▶ GIVEN ENTRIES
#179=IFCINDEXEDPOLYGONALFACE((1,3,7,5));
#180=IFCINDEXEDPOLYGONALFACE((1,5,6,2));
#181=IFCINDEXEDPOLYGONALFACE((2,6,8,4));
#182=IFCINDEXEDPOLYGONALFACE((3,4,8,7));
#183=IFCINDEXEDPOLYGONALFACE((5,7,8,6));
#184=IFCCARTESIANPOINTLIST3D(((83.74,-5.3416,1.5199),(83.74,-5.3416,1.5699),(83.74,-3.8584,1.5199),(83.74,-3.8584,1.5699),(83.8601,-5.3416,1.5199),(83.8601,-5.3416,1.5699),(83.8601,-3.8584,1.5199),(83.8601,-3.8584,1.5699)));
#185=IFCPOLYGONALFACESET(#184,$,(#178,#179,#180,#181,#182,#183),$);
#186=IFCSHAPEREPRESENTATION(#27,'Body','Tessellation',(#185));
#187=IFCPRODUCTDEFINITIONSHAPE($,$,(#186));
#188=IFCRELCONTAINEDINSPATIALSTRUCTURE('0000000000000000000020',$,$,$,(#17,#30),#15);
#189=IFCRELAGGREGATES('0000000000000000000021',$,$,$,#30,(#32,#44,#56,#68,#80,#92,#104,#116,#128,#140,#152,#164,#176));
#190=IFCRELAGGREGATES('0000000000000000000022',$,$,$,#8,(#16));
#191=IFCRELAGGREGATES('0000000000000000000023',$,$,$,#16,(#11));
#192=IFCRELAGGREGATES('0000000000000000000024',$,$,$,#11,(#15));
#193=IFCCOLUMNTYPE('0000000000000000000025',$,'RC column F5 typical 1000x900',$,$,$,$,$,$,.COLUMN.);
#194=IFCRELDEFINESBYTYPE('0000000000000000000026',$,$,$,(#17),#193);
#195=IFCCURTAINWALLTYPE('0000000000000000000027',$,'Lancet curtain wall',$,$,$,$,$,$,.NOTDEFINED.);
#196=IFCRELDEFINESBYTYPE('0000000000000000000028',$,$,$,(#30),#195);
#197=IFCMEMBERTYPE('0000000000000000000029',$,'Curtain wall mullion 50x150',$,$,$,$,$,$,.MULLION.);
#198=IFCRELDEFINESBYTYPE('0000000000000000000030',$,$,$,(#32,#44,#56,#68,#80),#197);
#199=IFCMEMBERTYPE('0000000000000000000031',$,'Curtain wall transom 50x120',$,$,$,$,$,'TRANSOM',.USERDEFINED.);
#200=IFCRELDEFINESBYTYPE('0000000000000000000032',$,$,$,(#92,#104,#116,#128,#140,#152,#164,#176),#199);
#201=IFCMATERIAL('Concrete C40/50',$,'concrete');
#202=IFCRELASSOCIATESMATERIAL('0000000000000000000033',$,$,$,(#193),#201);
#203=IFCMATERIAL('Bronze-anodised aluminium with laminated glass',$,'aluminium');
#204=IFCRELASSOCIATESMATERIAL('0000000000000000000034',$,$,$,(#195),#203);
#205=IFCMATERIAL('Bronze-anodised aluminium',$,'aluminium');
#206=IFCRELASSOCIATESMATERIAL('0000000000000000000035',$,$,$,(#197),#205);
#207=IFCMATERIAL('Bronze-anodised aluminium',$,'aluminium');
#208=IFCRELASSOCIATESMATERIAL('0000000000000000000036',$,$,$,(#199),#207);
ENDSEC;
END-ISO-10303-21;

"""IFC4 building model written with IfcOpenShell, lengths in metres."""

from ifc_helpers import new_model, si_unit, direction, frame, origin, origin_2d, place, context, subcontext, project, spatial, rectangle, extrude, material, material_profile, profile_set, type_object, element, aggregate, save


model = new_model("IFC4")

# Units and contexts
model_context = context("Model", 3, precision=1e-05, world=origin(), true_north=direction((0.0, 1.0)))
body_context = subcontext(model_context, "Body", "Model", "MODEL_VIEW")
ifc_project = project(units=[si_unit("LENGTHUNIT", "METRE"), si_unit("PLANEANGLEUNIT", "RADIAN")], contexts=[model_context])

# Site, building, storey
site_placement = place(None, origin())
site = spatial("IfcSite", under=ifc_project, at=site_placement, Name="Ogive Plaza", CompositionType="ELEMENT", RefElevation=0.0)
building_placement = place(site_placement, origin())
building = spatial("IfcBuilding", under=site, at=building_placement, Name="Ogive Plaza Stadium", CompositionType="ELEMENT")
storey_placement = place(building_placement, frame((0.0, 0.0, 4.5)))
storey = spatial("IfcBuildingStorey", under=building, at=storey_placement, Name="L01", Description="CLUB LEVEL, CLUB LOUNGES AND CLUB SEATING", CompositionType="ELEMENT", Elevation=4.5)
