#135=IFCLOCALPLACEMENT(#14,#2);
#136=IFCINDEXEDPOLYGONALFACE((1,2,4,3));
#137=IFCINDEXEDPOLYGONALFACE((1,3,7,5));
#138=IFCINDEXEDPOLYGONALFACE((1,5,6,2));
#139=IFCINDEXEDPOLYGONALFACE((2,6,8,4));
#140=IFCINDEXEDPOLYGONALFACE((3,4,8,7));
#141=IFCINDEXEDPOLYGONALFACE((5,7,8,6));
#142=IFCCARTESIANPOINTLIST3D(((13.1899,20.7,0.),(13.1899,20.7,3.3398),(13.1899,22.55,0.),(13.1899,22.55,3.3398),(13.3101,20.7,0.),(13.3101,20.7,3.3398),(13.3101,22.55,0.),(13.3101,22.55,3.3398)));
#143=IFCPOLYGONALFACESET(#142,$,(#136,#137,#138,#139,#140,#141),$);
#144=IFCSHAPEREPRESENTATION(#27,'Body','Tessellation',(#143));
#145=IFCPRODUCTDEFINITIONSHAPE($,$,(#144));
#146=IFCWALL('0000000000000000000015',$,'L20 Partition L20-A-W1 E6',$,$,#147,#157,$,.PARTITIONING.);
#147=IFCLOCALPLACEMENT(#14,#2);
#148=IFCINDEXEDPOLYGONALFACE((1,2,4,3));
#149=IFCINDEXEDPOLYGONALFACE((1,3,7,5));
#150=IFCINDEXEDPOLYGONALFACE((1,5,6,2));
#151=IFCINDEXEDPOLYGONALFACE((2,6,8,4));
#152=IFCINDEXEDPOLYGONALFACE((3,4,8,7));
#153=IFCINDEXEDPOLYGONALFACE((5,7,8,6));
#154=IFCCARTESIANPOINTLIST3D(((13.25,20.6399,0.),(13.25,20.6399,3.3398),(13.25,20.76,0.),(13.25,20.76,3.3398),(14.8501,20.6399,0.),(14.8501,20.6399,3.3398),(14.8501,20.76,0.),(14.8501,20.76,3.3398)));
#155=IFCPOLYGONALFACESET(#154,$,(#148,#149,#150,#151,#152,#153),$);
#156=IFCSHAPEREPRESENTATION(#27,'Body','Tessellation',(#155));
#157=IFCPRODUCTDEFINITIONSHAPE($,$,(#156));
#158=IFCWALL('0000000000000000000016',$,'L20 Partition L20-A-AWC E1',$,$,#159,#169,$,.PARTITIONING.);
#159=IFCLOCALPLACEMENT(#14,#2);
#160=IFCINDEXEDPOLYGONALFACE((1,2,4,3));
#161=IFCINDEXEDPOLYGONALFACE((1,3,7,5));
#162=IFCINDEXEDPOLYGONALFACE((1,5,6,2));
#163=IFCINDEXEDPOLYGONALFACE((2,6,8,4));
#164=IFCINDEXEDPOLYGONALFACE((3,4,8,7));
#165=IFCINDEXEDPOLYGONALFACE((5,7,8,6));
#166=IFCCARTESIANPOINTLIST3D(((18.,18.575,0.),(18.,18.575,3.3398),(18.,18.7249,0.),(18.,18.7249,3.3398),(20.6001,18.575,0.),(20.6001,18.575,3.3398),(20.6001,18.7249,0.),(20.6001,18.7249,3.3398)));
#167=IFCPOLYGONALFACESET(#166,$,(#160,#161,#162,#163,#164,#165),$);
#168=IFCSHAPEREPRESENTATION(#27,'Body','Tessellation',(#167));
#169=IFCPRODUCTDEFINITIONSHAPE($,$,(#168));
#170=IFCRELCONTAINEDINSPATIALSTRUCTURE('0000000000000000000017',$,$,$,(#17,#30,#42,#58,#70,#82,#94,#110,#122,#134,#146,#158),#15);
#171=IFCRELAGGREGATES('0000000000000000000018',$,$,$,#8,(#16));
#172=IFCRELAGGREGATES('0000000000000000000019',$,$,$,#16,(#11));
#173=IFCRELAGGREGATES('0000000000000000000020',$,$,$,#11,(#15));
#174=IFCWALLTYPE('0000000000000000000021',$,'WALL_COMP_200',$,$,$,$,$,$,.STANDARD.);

▶ PROMPT
How many of the lines in the records above include the word "Name"? State that number alone.

▶ EXERCISE RESULT
3